[Information given]:
::::

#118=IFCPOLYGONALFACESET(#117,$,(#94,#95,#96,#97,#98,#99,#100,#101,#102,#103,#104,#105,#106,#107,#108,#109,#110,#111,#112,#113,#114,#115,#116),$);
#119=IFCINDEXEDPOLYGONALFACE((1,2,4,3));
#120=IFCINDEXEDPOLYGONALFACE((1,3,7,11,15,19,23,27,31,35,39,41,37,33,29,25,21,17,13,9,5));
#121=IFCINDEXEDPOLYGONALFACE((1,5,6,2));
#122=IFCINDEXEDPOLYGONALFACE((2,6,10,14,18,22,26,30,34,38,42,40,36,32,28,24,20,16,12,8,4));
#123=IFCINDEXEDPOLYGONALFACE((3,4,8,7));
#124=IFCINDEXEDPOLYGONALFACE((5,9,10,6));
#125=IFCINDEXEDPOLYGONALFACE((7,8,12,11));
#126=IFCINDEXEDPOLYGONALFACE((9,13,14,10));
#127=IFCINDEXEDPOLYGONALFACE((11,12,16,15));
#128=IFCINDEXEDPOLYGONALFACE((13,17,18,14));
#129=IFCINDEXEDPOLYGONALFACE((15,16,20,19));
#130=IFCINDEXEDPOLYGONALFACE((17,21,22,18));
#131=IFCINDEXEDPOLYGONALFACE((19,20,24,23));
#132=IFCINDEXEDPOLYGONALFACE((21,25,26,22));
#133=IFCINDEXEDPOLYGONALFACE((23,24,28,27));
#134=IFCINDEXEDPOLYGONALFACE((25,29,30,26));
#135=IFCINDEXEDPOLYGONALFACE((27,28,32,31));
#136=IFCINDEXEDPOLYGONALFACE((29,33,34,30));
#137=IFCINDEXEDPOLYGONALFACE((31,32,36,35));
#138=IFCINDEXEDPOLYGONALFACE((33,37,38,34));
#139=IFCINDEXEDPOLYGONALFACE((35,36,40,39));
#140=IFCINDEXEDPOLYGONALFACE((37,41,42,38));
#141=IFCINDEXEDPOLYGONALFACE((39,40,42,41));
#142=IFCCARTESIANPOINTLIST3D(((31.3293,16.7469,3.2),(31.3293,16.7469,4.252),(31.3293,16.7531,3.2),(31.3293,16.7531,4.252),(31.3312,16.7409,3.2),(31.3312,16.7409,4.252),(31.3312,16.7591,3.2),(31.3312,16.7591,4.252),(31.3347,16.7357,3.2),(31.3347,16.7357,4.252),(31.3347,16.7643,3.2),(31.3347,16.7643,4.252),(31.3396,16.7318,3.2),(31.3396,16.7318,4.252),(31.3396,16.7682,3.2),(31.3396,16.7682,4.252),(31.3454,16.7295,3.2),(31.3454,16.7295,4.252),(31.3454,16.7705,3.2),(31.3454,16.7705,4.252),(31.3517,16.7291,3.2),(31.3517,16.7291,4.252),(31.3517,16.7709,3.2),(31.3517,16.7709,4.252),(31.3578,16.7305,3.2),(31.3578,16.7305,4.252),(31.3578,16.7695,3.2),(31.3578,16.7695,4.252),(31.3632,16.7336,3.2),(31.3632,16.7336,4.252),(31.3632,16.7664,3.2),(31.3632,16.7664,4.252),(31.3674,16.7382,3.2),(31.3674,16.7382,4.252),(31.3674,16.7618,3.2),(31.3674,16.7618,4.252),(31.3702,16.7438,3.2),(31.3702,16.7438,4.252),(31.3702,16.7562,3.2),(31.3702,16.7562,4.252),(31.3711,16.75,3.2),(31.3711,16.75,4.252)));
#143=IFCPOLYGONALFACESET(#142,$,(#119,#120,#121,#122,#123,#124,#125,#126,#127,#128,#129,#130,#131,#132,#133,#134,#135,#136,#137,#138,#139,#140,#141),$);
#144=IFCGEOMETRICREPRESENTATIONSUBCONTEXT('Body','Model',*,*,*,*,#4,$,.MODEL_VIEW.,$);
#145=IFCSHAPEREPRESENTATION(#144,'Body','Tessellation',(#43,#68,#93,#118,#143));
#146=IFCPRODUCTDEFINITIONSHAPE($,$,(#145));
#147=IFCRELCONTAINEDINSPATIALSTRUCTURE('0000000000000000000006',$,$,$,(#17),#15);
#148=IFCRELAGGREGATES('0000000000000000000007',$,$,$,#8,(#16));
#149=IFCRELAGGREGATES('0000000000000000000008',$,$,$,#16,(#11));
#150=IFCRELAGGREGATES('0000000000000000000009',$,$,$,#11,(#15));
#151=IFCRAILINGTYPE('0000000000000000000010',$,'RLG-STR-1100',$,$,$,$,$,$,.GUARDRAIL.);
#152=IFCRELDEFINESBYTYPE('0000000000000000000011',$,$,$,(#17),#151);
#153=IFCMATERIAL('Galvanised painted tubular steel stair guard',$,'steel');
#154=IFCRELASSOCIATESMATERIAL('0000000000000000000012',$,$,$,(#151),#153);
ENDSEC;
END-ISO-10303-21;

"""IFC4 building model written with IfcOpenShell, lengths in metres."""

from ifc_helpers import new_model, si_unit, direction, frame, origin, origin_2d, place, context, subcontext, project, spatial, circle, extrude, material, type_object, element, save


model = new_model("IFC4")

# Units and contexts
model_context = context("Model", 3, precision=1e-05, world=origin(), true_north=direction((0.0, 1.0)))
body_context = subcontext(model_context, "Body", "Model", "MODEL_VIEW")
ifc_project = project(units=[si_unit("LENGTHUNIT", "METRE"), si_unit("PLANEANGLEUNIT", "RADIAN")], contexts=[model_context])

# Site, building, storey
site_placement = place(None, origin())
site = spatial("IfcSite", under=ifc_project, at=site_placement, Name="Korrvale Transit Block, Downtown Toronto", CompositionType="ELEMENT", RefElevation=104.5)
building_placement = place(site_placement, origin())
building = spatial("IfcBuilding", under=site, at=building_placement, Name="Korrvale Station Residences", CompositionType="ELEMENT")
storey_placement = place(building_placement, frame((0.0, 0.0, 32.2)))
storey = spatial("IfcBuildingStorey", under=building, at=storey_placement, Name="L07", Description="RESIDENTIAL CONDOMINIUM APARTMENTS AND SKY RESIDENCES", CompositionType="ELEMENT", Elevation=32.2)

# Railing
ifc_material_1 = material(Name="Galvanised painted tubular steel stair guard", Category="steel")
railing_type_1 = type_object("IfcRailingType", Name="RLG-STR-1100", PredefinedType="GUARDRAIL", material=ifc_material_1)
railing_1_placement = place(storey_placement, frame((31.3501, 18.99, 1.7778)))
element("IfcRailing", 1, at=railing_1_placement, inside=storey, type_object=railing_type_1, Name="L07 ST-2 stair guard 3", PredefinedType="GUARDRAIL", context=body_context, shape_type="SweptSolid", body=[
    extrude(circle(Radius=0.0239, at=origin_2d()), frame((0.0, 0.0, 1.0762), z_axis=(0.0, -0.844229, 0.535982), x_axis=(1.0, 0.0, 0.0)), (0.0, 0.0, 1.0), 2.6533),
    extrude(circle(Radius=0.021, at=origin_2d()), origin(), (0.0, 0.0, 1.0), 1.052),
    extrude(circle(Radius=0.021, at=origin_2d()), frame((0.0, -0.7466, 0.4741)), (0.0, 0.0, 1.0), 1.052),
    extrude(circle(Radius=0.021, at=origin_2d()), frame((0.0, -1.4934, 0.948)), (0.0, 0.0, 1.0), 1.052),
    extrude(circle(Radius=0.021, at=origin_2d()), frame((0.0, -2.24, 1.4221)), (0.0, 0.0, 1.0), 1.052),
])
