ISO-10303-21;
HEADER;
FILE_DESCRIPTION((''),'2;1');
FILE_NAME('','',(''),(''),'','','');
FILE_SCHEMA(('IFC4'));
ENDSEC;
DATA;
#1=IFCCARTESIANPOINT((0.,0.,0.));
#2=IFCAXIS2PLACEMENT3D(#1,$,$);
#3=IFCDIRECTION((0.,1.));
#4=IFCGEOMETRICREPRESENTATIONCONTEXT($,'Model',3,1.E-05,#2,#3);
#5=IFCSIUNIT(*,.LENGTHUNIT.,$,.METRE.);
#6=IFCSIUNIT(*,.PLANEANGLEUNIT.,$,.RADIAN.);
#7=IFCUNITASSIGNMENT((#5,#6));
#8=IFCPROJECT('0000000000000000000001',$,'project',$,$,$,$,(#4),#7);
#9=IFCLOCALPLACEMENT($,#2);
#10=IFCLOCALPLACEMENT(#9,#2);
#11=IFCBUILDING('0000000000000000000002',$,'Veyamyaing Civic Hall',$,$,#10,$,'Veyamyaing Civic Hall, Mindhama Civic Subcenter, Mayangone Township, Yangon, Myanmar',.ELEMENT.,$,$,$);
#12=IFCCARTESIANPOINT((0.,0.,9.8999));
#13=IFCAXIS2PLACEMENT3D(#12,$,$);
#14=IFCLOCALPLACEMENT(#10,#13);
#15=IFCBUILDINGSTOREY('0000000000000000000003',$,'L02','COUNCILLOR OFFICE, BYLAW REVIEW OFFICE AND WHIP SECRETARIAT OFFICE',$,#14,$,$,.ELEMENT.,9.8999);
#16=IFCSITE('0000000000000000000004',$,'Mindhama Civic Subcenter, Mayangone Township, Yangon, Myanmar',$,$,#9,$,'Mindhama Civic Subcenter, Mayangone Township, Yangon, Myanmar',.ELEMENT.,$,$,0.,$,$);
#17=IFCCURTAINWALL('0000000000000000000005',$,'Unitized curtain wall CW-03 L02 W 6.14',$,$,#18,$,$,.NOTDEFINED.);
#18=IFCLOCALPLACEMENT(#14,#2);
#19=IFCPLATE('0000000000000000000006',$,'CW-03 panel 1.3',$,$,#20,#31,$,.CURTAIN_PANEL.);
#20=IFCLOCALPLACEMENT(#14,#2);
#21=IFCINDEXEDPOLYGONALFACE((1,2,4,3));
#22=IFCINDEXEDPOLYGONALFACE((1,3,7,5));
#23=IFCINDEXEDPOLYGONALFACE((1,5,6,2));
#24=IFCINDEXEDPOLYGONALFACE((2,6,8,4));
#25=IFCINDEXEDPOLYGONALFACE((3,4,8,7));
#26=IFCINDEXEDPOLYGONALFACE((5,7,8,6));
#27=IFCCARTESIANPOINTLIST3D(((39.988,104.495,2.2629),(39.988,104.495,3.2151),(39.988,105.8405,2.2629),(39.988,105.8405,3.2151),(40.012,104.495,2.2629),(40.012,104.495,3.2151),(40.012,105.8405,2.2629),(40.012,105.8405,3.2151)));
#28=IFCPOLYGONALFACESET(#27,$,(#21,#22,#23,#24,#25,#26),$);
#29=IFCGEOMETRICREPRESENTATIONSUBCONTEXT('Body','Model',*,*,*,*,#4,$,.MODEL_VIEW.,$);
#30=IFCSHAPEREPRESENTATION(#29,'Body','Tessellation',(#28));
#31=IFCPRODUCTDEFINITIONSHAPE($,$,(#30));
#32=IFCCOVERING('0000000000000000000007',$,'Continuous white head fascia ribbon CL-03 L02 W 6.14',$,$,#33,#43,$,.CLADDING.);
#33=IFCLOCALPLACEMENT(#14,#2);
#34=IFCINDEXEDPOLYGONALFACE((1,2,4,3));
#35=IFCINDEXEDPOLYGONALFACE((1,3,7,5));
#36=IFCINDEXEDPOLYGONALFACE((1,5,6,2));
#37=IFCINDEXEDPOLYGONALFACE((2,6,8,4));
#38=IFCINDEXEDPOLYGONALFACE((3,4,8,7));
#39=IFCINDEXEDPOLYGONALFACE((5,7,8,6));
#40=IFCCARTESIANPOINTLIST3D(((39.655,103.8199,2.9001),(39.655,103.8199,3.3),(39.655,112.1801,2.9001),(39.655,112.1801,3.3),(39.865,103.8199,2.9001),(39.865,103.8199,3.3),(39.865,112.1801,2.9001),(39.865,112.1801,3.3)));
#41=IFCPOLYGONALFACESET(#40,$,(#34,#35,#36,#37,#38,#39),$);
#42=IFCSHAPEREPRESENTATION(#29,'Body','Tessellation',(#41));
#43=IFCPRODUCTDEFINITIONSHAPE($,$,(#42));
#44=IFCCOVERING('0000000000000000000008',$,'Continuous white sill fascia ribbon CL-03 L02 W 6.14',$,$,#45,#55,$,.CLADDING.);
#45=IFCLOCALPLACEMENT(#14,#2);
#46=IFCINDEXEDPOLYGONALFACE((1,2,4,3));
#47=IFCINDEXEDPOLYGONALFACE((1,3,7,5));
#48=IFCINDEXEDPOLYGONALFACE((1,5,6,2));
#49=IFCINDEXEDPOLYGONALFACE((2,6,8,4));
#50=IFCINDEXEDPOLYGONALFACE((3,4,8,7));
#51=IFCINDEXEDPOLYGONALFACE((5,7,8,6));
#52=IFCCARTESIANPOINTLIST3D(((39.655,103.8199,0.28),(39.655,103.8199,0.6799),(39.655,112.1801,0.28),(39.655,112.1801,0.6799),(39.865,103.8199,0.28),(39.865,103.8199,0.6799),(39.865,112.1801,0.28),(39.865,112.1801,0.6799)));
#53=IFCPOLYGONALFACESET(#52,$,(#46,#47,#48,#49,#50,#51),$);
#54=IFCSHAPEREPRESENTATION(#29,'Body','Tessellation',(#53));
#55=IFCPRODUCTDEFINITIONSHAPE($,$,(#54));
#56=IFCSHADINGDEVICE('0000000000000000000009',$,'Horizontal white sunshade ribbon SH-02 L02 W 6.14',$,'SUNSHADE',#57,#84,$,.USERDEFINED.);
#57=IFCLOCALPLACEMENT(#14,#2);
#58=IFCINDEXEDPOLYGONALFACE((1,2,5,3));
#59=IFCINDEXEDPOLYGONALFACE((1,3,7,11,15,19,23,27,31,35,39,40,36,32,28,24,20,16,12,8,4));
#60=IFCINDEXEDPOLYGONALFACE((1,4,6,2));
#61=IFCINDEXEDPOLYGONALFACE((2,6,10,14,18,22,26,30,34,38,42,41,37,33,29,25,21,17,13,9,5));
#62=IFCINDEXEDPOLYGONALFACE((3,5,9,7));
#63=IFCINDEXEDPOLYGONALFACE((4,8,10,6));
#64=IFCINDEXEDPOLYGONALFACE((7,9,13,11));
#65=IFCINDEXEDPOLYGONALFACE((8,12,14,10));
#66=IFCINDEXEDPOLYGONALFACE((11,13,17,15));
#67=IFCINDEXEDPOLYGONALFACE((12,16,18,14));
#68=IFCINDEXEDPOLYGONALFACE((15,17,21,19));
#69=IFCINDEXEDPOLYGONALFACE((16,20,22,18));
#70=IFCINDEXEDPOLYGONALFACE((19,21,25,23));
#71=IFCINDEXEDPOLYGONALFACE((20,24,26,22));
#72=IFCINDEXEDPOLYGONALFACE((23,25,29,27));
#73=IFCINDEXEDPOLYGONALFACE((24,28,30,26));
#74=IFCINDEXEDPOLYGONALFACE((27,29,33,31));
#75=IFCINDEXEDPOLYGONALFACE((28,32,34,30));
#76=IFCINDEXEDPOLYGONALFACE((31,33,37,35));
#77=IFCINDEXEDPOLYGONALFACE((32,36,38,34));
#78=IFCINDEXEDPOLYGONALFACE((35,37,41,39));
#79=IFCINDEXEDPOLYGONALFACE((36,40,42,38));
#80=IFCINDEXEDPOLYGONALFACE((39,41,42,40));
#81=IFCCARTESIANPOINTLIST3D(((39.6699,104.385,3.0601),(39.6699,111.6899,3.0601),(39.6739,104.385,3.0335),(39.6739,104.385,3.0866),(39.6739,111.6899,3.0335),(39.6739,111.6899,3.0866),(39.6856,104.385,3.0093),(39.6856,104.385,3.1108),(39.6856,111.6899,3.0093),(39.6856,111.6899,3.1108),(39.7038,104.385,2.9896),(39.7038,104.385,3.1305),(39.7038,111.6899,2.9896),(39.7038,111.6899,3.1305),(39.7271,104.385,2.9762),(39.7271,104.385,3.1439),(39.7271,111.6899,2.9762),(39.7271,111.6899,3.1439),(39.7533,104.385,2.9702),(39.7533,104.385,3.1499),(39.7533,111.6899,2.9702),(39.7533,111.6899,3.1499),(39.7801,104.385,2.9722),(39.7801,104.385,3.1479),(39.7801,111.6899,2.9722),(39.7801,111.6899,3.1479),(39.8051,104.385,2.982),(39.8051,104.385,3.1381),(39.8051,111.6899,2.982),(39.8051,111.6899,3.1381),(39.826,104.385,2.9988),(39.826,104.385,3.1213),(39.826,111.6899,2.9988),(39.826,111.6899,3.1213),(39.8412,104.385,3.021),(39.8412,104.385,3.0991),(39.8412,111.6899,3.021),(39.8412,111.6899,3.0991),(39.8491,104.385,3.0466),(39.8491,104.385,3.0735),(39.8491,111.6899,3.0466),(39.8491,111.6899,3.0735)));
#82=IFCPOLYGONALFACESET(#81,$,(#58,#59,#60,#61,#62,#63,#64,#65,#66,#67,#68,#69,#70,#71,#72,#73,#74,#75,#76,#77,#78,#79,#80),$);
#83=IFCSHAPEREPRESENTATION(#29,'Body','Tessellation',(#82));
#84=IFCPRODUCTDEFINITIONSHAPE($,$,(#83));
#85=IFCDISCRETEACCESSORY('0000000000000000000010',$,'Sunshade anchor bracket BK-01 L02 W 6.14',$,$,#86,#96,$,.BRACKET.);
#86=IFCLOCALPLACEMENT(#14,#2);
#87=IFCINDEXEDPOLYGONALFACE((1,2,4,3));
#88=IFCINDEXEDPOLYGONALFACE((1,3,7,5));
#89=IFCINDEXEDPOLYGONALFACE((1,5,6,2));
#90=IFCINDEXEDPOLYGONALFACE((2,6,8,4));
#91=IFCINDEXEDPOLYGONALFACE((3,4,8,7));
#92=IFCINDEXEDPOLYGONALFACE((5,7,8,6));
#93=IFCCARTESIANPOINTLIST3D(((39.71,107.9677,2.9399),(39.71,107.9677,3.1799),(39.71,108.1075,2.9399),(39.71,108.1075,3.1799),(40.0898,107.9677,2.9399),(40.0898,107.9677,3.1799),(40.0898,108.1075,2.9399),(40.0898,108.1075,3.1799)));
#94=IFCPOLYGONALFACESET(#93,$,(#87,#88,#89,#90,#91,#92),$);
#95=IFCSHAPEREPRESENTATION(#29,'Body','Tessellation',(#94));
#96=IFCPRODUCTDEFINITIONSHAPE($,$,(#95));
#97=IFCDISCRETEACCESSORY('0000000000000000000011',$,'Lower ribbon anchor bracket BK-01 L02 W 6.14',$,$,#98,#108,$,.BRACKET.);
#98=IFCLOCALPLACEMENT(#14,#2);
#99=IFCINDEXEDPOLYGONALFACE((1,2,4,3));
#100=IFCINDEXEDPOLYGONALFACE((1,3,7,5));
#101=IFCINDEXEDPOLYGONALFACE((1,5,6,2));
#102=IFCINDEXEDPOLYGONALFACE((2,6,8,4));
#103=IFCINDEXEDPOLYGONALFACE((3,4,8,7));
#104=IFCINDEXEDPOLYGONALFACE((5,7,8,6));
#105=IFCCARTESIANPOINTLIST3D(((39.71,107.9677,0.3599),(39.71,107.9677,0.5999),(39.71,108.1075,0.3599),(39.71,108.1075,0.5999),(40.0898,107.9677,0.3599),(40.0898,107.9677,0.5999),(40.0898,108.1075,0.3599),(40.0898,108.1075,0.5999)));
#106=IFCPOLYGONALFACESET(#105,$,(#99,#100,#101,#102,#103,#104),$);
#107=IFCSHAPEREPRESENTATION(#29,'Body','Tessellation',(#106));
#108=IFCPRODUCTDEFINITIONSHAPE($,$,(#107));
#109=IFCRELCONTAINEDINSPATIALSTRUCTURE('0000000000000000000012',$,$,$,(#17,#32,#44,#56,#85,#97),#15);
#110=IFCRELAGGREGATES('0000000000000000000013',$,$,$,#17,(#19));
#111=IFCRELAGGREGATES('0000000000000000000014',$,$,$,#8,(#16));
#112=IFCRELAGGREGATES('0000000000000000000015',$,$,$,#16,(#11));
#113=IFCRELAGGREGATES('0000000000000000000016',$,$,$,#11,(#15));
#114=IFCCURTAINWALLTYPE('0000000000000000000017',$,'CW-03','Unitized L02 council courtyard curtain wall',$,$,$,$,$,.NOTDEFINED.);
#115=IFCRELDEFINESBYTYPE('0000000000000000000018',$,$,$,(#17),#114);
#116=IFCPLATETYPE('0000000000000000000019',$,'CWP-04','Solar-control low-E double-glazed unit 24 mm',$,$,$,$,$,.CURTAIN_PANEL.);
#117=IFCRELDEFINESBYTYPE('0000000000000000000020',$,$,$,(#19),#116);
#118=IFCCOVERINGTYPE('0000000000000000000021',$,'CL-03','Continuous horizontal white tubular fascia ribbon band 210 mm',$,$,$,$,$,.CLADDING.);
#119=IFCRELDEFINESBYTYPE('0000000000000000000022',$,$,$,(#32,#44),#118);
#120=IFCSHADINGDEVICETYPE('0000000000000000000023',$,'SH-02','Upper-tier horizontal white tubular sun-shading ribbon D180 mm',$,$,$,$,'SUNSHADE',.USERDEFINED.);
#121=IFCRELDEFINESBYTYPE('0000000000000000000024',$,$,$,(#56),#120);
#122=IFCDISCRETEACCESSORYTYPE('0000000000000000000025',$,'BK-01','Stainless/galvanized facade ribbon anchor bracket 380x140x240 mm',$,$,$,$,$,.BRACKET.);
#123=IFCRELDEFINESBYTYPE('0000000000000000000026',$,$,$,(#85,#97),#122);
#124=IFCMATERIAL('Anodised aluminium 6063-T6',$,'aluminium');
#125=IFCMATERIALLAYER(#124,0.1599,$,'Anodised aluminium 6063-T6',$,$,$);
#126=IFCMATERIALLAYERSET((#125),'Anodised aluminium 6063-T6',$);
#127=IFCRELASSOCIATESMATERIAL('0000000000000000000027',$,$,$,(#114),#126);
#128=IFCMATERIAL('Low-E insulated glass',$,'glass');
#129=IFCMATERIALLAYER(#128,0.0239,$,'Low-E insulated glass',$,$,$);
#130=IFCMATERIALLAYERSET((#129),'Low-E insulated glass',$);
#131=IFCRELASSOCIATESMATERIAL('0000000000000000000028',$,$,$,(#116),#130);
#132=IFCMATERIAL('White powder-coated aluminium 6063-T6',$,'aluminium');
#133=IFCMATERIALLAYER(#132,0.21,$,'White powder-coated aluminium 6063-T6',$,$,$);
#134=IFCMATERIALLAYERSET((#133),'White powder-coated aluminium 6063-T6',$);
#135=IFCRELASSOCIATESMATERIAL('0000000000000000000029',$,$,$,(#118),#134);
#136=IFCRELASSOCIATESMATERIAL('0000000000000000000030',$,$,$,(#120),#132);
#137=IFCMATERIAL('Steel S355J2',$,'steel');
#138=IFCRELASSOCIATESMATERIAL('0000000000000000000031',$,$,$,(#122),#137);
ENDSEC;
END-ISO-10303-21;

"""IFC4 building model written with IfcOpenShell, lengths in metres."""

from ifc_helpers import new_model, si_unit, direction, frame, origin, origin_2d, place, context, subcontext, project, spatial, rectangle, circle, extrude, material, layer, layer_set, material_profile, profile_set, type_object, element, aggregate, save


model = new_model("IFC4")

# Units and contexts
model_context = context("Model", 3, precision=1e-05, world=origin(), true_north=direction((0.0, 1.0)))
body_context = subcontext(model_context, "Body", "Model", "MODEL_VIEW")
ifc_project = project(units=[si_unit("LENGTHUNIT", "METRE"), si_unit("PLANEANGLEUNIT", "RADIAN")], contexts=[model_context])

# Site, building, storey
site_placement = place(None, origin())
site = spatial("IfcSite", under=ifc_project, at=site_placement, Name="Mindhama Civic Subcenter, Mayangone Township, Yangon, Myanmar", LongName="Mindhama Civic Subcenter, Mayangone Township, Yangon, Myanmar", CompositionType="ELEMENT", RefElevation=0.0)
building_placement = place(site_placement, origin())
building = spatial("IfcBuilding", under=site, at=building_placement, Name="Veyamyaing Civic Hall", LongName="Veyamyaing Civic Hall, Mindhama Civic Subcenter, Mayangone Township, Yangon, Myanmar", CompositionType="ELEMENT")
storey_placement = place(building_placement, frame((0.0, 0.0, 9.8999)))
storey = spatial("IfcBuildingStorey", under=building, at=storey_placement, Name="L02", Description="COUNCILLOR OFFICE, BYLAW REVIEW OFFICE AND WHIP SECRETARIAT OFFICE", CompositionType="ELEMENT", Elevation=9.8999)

::::

[Instructions to follow]:
Within the data above, the lines from the one with "#41=IFCPOLYGONALFACESET(#40,$,(#34,#35,#36,#37,#38,#39),$);" to the one with "#74=IFCINDEXEDPOLYGONALFACE((27,29,33,31));" must be repeated exactly; no other line belongs in the answer.

[Your solution]:
#41=IFCPOLYGONALFACESET(#40,$,(#34,#35,#36,#37,#38,#39),$);
#42=IFCSHAPEREPRESENTATION(#29,'Body','Tessellation',(#41));
#43=IFCPRODUCTDEFINITIONSHAPE($,$,(#42));
#44=IFCCOVERING('0000000000000000000008',$,'Continuous white sill fascia ribbon CL-03 L02 W 6.14',$,$,#45,#55,$,.CLADDING.);
#45=IFCLOCALPLACEMENT(#14,#2);
#46=IFCINDEXEDPOLYGONALFACE((1,2,4,3));
#47=IFCINDEXEDPOLYGONALFACE((1,3,7,5));
#48=IFCINDEXEDPOLYGONALFACE((1,5,6,2));
#49=IFCINDEXEDPOLYGONALFACE((2,6,8,4));
#50=IFCINDEXEDPOLYGONALFACE((3,4,8,7));
#51=IFCINDEXEDPOLYGONALFACE((5,7,8,6));
#52=IFCCARTESIANPOINTLIST3D(((39.655,103.8199,0.28),(39.655,103.8199,0.6799),(39.655,112.1801,0.28),(39.655,112.1801,0.6799),(39.865,103.8199,0.28),(39.865,103.8199,0.6799),(39.865,112.1801,0.28),(39.865,112.1801,0.6799)));
#53=IFCPOLYGONALFACESET(#52,$,(#46,#47,#48,#49,#50,#51),$);
#54=IFCSHAPEREPRESENTATION(#29,'Body','Tessellation',(#53));
#55=IFCPRODUCTDEFINITIONSHAPE($,$,(#54));
#56=IFCSHADINGDEVICE('0000000000000000000009',$,'Horizontal white sunshade ribbon SH-02 L02 W 6.14',$,'SUNSHADE',#57,#84,$,.USERDEFINED.);
#57=IFCLOCALPLACEMENT(#14,#2);
#58=IFCINDEXEDPOLYGONALFACE((1,2,5,3));
#59=IFCINDEXEDPOLYGONALFACE((1,3,7,11,15,19,23,27,31,35,39,40,36,32,28,24,20,16,12,8,4));
#60=IFCINDEXEDPOLYGONALFACE((1,4,6,2));
#61=IFCINDEXEDPOLYGONALFACE((2,6,10,14,18,22,26,30,34,38,42,41,37,33,29,25,21,17,13,9,5));
#62=IFCINDEXEDPOLYGONALFACE((3,5,9,7));
#63=IFCINDEXEDPOLYGONALFACE((4,8,10,6));
#64=IFCINDEXEDPOLYGONALFACE((7,9,13,11));
#65=IFCINDEXEDPOLYGONALFACE((8,12,14,10));
#66=IFCINDEXEDPOLYGONALFACE((11,13,17,15));
#67=IFCINDEXEDPOLYGONALFACE((12,16,18,14));
#68=IFCINDEXEDPOLYGONALFACE((15,17,21,19));
#69=IFCINDEXEDPOLYGONALFACE((16,20,22,18));
#70=IFCINDEXEDPOLYGONALFACE((19,21,25,23));
#71=IFCINDEXEDPOLYGONALFACE((20,24,26,22));
#72=IFCINDEXEDPOLYGONALFACE((23,25,29,27));
#73=IFCINDEXEDPOLYGONALFACE((24,28,30,26));
#74=IFCINDEXEDPOLYGONALFACE((27,29,33,31));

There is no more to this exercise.